What you should do: What is needed here is every line of the records that includes "IFCLOCALPLACEMENT".
** Opening Data under study block **
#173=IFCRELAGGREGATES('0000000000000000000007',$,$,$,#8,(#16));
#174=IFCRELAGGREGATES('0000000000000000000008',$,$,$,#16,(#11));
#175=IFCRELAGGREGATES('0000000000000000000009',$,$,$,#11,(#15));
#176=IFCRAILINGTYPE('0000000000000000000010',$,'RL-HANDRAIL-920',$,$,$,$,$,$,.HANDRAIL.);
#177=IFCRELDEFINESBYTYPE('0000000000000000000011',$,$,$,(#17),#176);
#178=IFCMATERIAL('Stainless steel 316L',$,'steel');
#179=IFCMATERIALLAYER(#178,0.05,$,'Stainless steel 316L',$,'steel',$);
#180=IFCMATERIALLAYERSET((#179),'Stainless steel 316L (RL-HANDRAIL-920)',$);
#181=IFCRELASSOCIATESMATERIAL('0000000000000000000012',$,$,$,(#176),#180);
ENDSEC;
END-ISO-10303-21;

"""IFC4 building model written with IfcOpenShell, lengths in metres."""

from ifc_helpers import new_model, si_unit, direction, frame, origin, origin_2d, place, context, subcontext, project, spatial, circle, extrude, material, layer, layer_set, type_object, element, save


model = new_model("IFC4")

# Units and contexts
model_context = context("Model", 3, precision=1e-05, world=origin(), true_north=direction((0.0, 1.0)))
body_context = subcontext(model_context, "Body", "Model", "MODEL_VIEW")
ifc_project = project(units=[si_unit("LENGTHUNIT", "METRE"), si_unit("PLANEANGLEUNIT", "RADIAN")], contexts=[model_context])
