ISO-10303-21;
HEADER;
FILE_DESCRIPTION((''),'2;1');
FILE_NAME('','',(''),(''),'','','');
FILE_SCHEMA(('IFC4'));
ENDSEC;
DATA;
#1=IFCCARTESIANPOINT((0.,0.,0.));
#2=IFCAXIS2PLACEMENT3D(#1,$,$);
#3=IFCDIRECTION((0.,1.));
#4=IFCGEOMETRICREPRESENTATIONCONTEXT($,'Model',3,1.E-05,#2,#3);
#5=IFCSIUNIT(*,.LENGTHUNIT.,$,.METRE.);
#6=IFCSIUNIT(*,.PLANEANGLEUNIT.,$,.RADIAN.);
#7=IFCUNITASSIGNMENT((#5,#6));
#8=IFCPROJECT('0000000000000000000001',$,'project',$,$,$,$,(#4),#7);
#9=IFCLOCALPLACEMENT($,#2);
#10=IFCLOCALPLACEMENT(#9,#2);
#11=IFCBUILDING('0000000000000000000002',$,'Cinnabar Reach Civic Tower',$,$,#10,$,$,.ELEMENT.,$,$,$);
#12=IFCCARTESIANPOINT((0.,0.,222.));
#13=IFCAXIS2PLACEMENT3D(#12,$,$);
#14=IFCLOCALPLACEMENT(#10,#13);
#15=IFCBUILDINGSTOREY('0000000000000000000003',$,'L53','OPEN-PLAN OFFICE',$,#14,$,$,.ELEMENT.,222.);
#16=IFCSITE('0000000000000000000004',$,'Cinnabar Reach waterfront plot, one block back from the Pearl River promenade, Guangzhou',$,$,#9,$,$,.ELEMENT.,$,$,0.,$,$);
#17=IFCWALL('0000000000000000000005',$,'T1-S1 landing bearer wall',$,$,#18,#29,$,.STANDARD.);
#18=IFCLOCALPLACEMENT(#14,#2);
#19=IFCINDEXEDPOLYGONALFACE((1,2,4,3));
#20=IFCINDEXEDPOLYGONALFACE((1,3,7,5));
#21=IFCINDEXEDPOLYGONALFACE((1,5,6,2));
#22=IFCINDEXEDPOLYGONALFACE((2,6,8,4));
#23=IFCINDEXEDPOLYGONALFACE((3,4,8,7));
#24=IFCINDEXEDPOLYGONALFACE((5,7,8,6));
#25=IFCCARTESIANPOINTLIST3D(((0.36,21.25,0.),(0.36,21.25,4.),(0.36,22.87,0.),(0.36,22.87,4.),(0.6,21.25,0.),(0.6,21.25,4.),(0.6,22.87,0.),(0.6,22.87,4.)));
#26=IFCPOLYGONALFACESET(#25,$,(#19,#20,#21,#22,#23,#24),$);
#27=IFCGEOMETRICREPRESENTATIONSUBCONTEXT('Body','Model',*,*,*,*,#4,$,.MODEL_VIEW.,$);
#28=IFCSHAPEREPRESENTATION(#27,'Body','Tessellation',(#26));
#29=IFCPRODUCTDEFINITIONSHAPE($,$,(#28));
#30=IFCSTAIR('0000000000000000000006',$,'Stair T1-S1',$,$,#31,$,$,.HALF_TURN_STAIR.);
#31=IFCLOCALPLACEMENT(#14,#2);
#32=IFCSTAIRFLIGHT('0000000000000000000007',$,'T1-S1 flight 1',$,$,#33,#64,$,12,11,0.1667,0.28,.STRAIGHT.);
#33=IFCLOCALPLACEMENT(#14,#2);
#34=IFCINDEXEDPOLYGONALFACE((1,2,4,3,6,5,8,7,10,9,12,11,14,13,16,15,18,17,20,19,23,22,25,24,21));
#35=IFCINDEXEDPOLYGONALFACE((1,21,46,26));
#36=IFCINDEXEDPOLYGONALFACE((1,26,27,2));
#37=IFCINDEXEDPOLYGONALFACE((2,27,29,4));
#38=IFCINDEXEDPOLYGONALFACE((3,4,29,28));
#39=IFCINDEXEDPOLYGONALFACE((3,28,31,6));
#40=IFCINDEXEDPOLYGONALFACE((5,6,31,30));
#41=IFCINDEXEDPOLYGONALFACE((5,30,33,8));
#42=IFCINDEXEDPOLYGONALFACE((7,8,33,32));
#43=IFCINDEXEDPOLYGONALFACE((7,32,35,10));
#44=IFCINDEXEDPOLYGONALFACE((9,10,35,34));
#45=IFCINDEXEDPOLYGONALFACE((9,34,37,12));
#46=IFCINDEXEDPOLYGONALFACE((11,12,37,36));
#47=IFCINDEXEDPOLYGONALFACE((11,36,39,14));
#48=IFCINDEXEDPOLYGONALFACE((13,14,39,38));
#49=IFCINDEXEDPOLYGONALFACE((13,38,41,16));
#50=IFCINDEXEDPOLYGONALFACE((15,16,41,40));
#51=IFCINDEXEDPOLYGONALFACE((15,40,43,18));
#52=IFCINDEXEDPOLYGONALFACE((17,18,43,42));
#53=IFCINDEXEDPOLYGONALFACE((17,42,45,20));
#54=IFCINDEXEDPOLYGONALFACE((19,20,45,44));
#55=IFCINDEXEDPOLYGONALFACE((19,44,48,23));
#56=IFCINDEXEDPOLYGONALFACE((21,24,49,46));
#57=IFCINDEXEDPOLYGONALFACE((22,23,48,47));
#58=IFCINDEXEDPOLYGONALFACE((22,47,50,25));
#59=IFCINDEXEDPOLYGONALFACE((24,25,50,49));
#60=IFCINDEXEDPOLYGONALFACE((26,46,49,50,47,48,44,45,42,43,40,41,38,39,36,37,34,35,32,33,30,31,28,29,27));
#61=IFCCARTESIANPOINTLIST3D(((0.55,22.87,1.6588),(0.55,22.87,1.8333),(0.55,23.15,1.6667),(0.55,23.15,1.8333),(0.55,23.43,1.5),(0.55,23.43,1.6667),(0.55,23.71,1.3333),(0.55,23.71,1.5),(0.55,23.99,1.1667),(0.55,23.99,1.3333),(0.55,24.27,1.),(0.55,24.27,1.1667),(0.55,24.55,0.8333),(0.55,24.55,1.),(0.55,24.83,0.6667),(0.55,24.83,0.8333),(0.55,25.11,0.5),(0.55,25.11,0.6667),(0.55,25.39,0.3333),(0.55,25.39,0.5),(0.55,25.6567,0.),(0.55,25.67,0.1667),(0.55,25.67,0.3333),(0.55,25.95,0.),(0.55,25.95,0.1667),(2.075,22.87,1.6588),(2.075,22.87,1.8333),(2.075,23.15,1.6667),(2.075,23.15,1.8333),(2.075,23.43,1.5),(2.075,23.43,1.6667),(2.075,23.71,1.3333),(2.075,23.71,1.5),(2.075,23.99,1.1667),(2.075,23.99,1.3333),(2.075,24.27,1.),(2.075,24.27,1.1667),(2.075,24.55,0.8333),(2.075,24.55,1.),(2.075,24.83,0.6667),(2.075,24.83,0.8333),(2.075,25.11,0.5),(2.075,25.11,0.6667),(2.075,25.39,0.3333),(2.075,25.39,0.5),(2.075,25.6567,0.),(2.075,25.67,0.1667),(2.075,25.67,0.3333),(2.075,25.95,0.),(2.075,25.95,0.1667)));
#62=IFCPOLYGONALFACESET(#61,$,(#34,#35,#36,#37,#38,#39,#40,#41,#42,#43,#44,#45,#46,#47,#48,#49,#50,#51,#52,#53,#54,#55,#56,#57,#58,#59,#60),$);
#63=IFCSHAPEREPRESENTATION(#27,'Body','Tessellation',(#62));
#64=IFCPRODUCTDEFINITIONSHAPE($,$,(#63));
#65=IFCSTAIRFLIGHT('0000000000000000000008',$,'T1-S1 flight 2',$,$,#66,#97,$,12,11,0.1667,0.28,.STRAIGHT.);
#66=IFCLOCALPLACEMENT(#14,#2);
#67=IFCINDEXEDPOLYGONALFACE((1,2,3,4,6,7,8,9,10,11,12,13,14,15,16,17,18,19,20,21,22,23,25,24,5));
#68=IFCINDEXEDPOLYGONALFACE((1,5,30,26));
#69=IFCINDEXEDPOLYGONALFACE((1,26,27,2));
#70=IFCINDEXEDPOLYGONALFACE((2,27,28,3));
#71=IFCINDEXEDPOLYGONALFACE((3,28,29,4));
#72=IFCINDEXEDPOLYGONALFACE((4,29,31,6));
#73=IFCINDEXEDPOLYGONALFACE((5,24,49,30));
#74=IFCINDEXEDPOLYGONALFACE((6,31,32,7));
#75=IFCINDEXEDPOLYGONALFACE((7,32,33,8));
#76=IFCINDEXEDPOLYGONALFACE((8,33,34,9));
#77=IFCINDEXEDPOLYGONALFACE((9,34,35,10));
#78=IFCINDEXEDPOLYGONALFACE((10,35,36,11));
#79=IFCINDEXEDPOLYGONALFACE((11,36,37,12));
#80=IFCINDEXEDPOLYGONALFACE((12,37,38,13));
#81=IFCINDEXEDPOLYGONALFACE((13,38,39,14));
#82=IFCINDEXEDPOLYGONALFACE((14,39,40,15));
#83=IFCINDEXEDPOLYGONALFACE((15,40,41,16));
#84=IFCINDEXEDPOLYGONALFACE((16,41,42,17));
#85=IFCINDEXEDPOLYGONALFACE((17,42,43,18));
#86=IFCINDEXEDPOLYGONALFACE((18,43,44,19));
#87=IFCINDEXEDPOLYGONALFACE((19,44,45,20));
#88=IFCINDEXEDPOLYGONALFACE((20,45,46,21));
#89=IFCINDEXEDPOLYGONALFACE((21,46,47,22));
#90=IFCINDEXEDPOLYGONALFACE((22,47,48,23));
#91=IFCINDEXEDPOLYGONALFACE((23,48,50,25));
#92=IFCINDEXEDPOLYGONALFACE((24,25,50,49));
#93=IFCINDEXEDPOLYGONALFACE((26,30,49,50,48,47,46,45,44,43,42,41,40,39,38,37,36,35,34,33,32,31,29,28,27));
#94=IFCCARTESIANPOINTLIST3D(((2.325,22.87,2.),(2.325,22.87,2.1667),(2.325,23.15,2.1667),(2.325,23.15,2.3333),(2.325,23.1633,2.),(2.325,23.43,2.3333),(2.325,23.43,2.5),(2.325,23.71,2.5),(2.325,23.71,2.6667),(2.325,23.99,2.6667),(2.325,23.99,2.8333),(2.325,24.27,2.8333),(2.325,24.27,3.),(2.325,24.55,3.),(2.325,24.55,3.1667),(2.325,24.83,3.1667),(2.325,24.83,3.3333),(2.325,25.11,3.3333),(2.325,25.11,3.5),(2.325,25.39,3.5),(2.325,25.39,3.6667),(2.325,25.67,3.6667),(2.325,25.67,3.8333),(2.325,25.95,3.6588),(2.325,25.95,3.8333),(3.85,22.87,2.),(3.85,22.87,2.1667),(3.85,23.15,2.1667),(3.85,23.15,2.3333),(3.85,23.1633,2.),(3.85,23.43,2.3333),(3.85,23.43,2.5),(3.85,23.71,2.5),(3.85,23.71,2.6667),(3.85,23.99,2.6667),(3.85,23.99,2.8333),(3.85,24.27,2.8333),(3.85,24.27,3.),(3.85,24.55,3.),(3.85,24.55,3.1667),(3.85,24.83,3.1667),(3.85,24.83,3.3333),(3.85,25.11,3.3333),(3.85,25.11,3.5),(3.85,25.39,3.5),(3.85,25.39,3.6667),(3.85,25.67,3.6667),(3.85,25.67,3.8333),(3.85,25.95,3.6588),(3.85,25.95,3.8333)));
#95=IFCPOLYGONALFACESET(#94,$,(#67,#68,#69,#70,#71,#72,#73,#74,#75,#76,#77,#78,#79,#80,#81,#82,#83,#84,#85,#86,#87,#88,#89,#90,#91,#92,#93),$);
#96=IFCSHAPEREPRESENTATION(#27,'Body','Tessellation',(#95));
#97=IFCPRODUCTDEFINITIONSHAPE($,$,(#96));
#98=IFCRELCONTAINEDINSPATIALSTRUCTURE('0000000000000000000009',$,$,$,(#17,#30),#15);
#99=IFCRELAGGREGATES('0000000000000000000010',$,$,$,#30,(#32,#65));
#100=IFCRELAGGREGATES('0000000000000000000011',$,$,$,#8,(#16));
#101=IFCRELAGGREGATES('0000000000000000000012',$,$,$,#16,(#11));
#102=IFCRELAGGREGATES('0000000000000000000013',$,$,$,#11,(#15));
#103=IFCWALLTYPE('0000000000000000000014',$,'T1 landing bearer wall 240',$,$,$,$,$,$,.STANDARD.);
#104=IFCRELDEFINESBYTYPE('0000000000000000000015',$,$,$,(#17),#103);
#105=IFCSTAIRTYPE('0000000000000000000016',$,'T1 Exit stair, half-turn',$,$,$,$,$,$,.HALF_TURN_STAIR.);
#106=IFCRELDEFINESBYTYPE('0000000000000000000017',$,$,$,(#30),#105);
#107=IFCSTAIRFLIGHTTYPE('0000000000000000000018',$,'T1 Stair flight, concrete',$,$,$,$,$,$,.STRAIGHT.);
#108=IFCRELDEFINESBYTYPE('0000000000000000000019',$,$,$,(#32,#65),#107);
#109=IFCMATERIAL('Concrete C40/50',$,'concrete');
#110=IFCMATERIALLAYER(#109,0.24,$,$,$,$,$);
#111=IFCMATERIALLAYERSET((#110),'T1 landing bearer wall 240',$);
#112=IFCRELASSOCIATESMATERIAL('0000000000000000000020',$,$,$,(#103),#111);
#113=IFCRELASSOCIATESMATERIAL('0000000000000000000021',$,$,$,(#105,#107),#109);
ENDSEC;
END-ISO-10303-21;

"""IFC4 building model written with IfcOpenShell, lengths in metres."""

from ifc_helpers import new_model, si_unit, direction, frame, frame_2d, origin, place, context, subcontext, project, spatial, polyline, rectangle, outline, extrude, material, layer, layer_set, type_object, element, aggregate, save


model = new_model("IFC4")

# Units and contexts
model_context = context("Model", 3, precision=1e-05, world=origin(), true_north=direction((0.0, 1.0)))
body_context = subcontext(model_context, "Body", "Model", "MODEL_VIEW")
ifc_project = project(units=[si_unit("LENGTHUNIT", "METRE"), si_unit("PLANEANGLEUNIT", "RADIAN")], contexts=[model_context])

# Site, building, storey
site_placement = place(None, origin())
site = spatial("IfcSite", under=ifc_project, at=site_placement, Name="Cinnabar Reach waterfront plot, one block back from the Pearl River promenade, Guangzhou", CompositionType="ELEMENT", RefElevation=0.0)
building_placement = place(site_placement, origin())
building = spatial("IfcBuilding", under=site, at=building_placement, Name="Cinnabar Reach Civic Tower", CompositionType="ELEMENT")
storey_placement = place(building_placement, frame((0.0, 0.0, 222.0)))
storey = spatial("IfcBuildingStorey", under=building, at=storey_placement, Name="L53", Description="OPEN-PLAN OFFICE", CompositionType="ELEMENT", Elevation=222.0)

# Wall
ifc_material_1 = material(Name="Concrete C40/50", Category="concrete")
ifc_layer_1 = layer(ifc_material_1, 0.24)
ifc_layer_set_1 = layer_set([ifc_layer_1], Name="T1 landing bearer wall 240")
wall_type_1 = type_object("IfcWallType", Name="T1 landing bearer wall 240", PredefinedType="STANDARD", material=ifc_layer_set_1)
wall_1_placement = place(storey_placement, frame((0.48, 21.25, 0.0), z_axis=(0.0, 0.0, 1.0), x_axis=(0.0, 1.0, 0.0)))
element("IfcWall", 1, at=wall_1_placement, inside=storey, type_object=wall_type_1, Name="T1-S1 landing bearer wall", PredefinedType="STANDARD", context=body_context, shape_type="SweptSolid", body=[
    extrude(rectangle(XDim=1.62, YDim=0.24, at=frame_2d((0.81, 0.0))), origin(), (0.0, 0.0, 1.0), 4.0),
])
** Closing Data under study block **
Written answer:
#9=IFCLOCALPLACEMENT($,#2);
#10=IFCLOCALPLACEMENT(#9,#2);
#14=IFCLOCALPLACEMENT(#10,#13);
#18=IFCLOCALPLACEMENT(#14,#2);
#31=IFCLOCALPLACEMENT(#14,#2);
#33=IFCLOCALPLACEMENT(#14,#2);
#66=IFCLOCALPLACEMENT(#14,#2);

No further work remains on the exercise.